Scan the lines below for "Body" and copy the matches.

[Saved data entries]
- - - - - - -

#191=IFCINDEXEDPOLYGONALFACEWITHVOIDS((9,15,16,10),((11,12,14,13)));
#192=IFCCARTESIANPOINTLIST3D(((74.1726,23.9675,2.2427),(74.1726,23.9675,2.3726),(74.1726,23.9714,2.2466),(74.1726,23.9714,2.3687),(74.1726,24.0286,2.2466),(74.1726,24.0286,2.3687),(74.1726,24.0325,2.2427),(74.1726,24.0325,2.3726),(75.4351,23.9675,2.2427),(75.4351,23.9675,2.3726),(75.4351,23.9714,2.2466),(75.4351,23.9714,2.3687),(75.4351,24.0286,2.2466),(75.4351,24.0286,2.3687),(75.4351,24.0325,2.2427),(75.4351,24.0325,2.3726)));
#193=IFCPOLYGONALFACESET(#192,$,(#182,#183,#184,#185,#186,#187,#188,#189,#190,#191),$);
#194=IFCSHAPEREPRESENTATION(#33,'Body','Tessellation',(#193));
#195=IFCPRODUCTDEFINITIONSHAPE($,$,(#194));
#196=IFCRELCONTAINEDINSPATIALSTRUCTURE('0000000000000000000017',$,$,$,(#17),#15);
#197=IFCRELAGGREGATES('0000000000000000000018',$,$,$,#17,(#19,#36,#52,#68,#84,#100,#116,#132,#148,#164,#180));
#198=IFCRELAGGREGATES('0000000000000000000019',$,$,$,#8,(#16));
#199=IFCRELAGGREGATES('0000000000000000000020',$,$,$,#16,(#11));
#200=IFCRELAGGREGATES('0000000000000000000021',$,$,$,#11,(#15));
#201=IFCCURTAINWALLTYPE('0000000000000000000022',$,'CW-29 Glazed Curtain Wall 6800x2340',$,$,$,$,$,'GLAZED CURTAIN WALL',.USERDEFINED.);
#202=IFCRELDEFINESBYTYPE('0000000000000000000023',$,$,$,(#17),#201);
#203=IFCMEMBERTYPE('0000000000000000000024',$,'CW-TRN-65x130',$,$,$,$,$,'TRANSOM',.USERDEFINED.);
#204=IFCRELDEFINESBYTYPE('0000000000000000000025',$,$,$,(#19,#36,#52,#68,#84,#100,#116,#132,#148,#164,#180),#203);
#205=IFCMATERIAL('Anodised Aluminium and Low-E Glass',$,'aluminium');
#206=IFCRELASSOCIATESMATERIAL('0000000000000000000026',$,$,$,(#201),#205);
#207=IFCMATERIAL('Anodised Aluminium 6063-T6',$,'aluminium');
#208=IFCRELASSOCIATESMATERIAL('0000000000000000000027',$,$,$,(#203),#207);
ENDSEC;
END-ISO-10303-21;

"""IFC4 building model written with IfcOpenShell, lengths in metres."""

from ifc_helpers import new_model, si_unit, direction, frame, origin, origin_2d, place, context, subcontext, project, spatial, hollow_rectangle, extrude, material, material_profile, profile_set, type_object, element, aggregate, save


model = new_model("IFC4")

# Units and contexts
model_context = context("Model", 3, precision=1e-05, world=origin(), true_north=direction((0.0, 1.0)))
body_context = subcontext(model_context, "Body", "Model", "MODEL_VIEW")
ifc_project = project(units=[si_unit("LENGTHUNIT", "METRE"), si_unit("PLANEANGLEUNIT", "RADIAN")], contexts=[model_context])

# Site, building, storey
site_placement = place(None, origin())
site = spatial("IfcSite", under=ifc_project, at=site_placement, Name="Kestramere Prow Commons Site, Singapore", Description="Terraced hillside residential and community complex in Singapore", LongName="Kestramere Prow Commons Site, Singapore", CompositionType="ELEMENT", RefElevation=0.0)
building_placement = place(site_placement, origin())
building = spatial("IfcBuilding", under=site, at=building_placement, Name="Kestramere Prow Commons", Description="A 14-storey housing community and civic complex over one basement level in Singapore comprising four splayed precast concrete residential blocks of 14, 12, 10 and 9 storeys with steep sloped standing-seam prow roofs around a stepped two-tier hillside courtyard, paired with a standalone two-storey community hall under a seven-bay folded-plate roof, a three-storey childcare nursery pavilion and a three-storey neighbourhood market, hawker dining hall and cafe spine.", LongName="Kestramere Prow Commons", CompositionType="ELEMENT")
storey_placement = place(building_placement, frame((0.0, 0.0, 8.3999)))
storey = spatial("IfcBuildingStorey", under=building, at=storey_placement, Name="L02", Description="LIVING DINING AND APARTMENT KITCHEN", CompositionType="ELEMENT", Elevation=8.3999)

- - - - - - -

→ **EXPECTED OUTPUT**
#194=IFCSHAPEREPRESENTATION(#33,'Body','Tessellation',(#193));
body_context = subcontext(model_context, "Body", "Model", "MODEL_VIEW")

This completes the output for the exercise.